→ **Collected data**

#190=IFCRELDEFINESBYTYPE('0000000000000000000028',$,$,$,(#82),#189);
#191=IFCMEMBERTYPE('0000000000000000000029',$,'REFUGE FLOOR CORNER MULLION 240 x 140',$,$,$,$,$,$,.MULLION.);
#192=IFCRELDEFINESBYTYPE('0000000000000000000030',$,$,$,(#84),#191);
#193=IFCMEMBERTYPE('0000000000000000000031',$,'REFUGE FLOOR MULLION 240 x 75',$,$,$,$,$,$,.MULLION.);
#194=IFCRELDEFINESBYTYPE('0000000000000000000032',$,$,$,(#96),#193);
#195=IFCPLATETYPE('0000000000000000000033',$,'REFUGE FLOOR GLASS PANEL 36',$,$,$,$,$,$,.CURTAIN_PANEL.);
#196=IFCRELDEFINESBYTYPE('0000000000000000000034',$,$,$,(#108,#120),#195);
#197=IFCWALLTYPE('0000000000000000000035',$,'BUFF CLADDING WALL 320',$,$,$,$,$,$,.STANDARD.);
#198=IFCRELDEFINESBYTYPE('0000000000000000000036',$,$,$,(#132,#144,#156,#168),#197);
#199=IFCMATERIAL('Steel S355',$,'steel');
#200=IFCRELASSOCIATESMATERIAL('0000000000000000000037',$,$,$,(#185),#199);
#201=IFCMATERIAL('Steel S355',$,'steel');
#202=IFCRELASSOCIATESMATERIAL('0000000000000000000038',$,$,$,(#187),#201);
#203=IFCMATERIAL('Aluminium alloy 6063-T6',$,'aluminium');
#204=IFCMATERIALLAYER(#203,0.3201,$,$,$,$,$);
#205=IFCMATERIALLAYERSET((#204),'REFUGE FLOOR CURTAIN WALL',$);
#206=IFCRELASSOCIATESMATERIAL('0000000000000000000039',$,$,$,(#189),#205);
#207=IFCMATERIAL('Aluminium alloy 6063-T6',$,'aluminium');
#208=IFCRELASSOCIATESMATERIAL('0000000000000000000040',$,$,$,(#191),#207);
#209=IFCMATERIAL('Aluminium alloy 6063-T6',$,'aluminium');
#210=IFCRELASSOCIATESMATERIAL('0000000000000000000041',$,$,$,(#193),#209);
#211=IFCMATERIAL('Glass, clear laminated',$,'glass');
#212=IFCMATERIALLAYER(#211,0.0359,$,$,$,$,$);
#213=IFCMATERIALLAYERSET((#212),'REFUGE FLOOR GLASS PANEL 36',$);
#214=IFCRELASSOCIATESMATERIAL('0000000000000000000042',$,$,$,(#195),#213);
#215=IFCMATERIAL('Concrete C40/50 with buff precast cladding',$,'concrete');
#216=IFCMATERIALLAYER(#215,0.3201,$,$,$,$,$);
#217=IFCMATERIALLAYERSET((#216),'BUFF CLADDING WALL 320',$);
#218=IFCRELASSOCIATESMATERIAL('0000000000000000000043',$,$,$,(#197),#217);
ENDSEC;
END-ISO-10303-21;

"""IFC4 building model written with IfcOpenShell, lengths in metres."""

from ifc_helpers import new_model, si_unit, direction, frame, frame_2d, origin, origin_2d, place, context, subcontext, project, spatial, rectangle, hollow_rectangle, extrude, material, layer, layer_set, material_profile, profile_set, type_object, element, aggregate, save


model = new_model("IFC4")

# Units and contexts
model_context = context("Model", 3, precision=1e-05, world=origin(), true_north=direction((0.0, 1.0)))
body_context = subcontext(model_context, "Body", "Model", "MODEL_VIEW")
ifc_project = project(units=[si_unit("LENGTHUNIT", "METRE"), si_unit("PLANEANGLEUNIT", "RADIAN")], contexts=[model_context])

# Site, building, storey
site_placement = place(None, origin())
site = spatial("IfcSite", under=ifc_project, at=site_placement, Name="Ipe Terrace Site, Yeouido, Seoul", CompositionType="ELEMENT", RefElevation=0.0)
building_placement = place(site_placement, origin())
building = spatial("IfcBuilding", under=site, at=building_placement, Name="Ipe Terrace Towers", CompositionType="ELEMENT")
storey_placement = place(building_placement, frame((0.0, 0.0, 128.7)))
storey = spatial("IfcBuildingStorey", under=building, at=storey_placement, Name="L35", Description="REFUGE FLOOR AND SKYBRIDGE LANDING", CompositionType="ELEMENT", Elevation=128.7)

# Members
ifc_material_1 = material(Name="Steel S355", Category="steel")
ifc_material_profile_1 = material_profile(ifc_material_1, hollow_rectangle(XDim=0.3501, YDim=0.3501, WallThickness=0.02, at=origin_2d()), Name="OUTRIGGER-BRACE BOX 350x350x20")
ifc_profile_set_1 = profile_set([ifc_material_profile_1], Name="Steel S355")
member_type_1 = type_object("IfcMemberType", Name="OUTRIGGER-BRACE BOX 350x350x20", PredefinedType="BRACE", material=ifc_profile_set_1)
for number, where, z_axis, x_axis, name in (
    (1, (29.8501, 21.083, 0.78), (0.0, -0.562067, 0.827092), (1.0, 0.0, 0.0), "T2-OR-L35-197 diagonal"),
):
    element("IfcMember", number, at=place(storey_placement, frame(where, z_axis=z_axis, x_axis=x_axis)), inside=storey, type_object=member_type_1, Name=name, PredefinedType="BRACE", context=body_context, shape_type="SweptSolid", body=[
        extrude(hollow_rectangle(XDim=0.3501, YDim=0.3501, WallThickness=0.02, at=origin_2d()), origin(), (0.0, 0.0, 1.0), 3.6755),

→ **DIRECTIONS FOR THIS TASK**
Return every line of the entries above that the string "PredefinedType" appears in.

→ **RESULT**
member_type_1 = type_object("IfcMemberType", Name="OUTRIGGER-BRACE BOX 350x350x20", PredefinedType="BRACE", material=ifc_profile_set_1)
    element("IfcMember", number, at=place(storey_placement, frame(where, z_axis=z_axis, x_axis=x_axis)), inside=storey, type_object=member_type_1, Name=name, PredefinedType="BRACE", context=body_context, shape_type="SweptSolid", body=[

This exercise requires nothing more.